[Extracted records]
────────────────────────────────────────

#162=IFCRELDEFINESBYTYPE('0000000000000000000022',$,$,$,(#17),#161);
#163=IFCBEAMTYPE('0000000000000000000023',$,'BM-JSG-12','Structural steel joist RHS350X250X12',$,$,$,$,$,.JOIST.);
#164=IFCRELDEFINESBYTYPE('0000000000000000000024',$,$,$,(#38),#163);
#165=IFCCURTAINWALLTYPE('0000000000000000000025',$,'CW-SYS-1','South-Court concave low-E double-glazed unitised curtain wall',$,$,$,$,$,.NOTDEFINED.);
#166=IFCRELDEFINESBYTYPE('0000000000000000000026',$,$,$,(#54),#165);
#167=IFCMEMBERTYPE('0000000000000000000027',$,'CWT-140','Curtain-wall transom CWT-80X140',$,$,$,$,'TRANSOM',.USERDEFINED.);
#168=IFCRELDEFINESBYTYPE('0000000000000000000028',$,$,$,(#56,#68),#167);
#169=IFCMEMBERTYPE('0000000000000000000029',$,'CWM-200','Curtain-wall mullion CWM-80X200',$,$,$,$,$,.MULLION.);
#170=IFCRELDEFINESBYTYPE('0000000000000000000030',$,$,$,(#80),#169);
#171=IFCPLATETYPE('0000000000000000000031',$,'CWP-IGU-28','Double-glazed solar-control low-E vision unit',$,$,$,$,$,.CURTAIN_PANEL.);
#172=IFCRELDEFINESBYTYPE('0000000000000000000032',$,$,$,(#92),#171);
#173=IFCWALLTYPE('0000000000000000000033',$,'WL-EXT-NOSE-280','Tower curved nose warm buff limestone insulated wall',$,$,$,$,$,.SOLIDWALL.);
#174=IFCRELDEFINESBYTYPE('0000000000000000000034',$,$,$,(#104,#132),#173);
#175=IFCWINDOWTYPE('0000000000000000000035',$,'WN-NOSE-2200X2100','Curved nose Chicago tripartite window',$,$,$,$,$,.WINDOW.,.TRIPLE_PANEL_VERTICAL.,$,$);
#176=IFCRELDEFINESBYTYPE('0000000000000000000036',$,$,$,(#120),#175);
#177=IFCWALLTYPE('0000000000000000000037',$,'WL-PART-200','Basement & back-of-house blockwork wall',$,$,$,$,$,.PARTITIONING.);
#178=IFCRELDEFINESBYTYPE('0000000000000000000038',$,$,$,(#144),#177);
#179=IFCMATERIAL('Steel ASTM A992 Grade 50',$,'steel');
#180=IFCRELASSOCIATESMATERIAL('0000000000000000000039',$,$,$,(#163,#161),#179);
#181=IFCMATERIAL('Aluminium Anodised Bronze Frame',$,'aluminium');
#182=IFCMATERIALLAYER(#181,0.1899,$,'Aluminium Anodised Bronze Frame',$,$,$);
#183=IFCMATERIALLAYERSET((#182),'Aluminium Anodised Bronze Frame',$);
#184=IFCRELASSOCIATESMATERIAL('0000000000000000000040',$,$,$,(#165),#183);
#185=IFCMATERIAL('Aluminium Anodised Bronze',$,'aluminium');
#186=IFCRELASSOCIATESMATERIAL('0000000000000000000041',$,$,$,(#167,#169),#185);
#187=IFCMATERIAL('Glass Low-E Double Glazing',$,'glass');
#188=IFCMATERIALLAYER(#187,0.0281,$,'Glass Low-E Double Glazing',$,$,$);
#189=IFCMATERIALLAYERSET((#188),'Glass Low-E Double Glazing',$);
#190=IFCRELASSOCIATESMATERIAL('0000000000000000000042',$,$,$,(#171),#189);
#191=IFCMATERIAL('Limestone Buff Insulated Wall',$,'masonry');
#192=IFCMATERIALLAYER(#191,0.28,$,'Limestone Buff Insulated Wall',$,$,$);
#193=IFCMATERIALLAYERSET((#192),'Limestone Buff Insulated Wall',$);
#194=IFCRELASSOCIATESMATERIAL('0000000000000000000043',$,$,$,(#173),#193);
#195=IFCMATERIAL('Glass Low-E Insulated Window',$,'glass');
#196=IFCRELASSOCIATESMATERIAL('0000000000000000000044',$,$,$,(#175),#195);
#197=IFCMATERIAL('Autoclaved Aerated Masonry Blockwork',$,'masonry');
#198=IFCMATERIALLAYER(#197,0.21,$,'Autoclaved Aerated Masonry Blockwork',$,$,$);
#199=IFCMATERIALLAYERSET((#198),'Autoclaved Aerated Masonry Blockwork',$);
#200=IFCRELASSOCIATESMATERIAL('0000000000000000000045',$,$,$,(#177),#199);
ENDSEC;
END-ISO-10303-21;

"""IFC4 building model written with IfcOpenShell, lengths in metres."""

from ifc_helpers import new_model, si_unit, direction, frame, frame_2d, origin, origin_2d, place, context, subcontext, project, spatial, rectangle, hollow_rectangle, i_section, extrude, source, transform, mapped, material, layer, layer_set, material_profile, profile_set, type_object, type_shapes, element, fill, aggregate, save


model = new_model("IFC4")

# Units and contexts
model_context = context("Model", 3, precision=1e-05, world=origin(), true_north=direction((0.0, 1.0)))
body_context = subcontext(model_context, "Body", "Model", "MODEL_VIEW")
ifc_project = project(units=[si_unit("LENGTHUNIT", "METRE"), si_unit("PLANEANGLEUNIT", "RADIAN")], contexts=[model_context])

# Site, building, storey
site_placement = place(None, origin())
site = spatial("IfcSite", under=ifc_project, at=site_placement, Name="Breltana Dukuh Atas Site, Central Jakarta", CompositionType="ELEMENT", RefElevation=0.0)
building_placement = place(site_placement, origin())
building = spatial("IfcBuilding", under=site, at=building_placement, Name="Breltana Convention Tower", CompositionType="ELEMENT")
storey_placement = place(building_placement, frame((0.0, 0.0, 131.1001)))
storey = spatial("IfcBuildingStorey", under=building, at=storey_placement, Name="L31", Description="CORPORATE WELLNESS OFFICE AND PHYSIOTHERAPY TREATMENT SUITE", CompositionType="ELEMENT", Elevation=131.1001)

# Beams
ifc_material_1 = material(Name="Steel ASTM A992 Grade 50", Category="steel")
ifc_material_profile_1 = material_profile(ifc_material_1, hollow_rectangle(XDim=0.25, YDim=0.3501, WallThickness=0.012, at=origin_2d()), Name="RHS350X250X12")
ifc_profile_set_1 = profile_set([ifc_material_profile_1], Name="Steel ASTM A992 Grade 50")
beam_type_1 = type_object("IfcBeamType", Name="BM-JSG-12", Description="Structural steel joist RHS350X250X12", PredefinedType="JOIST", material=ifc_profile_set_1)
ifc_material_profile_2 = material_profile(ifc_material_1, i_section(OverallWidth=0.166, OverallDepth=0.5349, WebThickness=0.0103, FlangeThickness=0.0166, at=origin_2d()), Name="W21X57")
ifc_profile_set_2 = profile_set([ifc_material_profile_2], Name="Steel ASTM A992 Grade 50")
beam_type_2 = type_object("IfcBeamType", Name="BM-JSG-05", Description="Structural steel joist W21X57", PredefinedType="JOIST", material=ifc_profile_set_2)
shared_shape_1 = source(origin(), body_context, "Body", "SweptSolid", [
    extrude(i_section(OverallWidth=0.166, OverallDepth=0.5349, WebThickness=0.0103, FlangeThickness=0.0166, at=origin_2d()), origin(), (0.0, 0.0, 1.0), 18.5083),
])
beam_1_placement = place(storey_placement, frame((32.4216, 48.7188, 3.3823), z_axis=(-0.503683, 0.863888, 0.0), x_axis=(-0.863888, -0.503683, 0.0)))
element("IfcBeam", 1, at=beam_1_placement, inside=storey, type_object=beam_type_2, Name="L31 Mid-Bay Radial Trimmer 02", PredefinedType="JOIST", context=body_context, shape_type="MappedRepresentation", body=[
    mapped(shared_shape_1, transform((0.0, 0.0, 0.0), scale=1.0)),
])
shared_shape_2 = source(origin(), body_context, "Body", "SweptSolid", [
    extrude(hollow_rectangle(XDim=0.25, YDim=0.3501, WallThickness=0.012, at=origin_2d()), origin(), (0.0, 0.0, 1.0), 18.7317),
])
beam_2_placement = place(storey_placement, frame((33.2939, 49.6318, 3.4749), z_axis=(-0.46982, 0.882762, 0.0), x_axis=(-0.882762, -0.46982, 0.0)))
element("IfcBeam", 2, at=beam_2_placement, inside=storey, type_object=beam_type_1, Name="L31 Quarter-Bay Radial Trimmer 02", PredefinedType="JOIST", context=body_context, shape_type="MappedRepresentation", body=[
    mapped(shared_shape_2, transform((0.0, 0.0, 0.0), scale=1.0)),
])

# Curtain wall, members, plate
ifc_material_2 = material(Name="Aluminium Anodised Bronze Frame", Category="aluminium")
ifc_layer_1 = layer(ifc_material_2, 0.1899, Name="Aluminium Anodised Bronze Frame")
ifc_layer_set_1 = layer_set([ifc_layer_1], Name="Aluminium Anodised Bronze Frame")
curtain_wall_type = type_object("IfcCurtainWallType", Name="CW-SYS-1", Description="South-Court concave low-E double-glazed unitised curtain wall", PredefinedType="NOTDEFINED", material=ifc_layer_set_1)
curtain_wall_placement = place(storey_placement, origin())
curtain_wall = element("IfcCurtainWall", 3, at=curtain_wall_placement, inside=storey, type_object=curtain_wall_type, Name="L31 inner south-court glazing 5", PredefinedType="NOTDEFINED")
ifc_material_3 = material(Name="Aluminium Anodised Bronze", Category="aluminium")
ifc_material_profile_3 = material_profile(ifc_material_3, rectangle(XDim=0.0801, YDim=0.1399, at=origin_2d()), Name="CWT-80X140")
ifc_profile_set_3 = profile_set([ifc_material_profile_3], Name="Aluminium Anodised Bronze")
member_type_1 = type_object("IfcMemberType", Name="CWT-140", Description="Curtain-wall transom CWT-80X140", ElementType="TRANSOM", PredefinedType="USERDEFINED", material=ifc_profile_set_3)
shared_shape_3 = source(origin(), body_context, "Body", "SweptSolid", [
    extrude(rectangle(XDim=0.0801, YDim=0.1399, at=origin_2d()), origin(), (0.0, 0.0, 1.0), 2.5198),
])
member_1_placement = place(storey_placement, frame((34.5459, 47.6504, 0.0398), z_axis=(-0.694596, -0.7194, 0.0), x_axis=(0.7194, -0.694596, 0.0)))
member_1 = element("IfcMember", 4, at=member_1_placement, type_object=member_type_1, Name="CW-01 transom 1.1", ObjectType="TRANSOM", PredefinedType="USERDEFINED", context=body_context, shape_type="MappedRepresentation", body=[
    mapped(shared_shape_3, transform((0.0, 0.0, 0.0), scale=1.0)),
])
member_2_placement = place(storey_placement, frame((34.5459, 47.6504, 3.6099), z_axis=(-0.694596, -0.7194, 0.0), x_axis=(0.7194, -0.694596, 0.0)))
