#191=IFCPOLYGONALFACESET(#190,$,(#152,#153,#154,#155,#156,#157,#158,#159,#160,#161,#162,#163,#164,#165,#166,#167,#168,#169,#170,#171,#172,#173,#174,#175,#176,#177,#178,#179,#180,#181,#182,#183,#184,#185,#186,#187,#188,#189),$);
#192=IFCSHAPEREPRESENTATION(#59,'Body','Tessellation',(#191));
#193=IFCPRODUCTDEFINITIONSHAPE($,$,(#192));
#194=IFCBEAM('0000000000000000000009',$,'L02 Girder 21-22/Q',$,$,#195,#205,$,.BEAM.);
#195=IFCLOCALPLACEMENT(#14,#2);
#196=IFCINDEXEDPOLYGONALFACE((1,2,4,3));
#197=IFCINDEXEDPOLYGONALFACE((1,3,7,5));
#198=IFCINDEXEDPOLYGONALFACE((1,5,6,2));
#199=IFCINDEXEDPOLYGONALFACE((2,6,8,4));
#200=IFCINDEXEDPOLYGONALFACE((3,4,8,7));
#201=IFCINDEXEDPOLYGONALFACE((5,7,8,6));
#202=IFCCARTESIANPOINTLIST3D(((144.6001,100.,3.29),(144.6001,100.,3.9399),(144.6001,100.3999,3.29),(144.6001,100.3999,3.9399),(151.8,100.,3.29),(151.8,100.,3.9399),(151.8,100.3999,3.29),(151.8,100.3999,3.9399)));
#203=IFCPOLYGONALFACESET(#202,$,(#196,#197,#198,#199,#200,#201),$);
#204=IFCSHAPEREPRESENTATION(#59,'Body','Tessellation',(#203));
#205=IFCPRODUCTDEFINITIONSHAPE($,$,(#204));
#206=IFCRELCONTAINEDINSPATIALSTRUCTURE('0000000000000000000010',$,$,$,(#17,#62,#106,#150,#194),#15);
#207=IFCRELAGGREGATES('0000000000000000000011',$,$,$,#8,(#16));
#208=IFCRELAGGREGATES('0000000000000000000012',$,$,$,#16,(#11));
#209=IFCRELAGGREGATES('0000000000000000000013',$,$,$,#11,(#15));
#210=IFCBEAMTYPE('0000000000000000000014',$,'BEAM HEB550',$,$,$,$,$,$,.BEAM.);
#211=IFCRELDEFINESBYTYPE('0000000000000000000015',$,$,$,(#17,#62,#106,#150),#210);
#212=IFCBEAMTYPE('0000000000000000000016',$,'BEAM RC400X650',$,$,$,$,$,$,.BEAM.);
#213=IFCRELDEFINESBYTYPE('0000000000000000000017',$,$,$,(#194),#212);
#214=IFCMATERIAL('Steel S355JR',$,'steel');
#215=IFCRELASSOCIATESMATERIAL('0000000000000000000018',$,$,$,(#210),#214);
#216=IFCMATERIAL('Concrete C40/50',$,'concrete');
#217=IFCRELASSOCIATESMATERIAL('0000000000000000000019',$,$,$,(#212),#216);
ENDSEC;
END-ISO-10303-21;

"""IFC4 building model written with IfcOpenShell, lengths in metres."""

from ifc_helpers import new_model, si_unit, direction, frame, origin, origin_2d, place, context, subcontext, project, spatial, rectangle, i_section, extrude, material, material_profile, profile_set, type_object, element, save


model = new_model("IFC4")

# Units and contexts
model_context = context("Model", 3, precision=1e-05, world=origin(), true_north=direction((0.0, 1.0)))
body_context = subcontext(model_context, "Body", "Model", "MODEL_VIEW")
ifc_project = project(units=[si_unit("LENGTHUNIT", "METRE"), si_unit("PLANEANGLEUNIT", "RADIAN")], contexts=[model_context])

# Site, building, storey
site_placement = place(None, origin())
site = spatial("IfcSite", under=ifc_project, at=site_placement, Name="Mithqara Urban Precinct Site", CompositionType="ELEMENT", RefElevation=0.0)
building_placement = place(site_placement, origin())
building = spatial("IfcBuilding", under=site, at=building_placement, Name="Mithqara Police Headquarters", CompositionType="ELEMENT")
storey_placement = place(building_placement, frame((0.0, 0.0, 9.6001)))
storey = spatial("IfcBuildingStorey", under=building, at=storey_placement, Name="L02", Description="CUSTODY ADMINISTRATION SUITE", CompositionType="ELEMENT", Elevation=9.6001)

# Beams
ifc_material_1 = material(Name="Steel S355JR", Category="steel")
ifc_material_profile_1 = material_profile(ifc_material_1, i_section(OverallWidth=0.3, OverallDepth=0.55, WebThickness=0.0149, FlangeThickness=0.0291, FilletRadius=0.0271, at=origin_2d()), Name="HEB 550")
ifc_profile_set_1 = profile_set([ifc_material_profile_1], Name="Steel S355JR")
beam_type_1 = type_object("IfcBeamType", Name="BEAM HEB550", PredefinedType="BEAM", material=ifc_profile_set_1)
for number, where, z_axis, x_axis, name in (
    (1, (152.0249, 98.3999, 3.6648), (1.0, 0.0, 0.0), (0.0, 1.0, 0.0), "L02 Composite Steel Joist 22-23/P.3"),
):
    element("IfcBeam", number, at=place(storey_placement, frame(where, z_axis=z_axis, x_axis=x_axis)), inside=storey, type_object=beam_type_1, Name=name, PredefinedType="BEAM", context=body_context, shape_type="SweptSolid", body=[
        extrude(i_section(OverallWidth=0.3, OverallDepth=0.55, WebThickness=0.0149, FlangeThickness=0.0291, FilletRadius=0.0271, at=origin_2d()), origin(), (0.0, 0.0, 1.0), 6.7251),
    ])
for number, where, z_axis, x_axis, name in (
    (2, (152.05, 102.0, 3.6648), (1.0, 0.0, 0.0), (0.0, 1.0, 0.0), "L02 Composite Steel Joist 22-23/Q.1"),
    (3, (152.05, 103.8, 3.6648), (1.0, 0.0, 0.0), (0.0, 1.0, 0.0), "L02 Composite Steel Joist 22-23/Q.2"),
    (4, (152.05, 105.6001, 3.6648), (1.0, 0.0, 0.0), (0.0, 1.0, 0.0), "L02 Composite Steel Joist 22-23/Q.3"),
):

────────────────────────────────────────

▸ **Task to carry out**:
Look above for the line containing "limestone insulated wall',$,$,$,$,$,.SOLIDWALL.);" and the line containing "#181=IFCMATERIAL('Aluminium Anodised Bronze". Transcribe both, with the lines between them, exactly.

▸ **Expected output**:
#173=IFCWALLTYPE('0000000000000000000033',$,'WL-EXT-NOSE-280','Tower curved nose warm buff limestone insulated wall',$,$,$,$,$,.SOLIDWALL.);
#174=IFCRELDEFINESBYTYPE('0000000000000000000034',$,$,$,(#104,#132),#173);
#175=IFCWINDOWTYPE('0000000000000000000035',$,'WN-NOSE-2200X2100','Curved nose Chicago tripartite window',$,$,$,$,$,.WINDOW.,.TRIPLE_PANEL_VERTICAL.,$,$);
#176=IFCRELDEFINESBYTYPE('0000000000000000000036',$,$,$,(#120),#175);
#177=IFCWALLTYPE('0000000000000000000037',$,'WL-PART-200','Basement & back-of-house blockwork wall',$,$,$,$,$,.PARTITIONING.);
#178=IFCRELDEFINESBYTYPE('0000000000000000000038',$,$,$,(#144),#177);
#179=IFCMATERIAL('Steel ASTM A992 Grade 50',$,'steel');
#180=IFCRELASSOCIATESMATERIAL('0000000000000000000039',$,$,$,(#163,#161),#179);
#181=IFCMATERIAL('Aluminium Anodised Bronze Frame',$,'aluminium');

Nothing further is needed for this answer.